Exercise
Output only this range of the data below: the line that contains "# Units and contexts" through the final line, both ends included, each retyped exactly.

START Material for this task

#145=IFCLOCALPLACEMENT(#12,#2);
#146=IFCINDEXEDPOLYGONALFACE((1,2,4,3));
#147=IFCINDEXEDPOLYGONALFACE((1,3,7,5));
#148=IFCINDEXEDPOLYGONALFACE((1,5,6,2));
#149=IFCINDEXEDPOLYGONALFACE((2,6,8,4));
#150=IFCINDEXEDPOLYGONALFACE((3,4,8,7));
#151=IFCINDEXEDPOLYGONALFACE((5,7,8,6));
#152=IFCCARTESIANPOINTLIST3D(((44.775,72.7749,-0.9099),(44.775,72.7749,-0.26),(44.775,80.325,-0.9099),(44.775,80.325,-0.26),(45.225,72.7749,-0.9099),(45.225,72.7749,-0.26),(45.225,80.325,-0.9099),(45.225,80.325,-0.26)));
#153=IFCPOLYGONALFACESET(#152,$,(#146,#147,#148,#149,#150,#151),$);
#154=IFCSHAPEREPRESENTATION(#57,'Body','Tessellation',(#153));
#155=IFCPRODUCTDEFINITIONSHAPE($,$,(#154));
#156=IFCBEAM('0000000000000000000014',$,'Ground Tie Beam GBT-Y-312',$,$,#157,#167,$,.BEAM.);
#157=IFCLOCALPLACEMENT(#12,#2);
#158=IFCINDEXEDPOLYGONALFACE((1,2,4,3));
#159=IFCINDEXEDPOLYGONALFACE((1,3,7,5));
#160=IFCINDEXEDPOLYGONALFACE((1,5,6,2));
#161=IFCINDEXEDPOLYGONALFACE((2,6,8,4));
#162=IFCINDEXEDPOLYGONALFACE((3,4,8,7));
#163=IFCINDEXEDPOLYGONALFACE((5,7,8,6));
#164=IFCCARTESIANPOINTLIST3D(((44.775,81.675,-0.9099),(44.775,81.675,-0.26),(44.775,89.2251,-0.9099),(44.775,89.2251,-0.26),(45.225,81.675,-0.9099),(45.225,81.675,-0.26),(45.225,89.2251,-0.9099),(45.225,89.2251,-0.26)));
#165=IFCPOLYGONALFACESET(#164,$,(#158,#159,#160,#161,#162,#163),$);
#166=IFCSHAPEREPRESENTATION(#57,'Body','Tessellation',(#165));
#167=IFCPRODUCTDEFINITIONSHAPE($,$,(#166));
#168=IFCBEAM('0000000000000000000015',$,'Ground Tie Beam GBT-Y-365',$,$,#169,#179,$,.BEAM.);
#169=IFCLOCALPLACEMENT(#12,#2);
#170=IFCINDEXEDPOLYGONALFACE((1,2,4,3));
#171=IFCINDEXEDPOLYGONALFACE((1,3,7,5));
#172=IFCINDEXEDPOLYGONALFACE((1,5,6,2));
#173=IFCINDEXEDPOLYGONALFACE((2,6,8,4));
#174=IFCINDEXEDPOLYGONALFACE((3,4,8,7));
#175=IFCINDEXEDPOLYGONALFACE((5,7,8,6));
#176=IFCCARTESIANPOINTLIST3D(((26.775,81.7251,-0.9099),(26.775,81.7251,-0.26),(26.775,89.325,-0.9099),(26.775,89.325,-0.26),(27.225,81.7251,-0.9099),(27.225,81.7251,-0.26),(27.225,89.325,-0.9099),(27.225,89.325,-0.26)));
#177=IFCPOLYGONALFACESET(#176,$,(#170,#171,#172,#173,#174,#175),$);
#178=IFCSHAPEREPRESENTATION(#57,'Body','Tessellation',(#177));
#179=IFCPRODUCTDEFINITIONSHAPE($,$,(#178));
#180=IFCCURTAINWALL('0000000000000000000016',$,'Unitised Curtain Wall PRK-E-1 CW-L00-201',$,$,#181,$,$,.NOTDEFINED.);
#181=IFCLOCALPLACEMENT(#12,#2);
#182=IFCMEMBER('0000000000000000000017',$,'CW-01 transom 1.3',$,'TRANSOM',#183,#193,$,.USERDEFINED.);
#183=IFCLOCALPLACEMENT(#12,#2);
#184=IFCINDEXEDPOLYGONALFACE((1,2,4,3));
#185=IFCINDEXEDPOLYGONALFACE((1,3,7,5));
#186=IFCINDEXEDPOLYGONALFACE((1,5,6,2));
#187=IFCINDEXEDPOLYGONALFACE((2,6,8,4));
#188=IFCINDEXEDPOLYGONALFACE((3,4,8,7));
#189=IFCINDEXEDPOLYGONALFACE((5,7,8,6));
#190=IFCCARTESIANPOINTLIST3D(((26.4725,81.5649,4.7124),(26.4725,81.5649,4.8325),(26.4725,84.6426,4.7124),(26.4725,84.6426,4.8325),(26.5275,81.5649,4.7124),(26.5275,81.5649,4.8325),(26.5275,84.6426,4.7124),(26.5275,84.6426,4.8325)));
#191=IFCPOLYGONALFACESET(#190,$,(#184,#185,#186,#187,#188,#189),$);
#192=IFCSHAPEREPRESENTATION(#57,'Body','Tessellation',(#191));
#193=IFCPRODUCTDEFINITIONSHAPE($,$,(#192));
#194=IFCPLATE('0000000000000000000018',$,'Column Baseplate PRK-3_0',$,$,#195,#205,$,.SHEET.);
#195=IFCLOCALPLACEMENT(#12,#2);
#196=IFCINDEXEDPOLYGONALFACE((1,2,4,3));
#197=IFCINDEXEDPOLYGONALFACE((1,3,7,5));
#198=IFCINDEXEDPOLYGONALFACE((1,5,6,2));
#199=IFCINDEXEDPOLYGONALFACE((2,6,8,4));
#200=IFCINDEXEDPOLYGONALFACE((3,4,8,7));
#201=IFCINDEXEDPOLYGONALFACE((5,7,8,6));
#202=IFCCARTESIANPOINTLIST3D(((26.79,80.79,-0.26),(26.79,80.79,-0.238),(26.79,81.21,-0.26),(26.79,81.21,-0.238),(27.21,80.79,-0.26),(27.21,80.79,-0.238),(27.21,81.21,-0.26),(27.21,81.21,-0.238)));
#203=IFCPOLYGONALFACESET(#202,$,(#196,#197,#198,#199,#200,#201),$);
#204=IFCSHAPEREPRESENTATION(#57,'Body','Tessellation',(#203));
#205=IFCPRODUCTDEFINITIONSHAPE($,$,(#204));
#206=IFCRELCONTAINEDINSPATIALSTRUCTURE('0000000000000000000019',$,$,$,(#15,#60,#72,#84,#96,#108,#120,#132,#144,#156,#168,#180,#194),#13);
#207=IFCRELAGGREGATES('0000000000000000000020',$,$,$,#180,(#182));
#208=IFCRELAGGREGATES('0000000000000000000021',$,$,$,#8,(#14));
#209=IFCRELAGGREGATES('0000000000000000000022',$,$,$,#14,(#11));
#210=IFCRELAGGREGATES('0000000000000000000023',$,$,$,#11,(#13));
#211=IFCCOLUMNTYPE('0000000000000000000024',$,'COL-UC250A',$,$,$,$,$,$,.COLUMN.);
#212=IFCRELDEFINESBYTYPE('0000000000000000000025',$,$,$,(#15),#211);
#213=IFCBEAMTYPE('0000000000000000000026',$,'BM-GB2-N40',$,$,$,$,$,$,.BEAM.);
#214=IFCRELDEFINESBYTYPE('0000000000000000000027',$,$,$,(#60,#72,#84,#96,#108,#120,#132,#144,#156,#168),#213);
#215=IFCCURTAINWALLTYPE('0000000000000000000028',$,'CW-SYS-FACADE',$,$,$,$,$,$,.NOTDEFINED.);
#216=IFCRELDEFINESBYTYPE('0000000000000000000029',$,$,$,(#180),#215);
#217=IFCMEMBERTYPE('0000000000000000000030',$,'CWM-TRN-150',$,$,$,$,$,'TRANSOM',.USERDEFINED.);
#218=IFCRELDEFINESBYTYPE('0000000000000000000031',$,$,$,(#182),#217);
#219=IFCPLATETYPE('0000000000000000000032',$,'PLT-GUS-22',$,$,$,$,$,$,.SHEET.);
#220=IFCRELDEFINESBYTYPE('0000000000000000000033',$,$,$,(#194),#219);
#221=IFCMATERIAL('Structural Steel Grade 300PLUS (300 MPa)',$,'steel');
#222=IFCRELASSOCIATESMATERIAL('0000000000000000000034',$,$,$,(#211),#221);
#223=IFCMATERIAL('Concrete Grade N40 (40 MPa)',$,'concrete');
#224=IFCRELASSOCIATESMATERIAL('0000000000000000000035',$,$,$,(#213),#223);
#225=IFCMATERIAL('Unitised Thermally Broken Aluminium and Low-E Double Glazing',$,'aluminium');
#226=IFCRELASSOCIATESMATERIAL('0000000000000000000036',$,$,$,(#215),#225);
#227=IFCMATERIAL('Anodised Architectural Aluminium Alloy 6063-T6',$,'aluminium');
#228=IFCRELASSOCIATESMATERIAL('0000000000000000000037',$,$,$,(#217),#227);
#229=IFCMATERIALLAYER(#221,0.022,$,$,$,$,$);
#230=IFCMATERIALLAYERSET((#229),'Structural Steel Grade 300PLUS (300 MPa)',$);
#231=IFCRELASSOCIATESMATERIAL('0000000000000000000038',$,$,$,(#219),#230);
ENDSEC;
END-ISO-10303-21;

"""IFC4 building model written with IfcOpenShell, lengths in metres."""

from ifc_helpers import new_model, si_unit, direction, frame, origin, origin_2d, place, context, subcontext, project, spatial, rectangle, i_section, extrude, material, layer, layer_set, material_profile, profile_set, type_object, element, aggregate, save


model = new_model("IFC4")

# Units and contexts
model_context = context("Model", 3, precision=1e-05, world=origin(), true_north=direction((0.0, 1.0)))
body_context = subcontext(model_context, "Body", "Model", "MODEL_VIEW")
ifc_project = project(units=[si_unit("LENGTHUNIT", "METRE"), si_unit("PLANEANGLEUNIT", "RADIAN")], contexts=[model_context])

END Material for this task

Answer area
# Units and contexts
model_context = context("Model", 3, precision=1e-05, world=origin(), true_north=direction((0.0, 1.0)))
body_context = subcontext(model_context, "Body", "Model", "MODEL_VIEW")
ifc_project = project(units=[si_unit("LENGTHUNIT", "METRE"), si_unit("PLANEANGLEUNIT", "RADIAN")], contexts=[model_context])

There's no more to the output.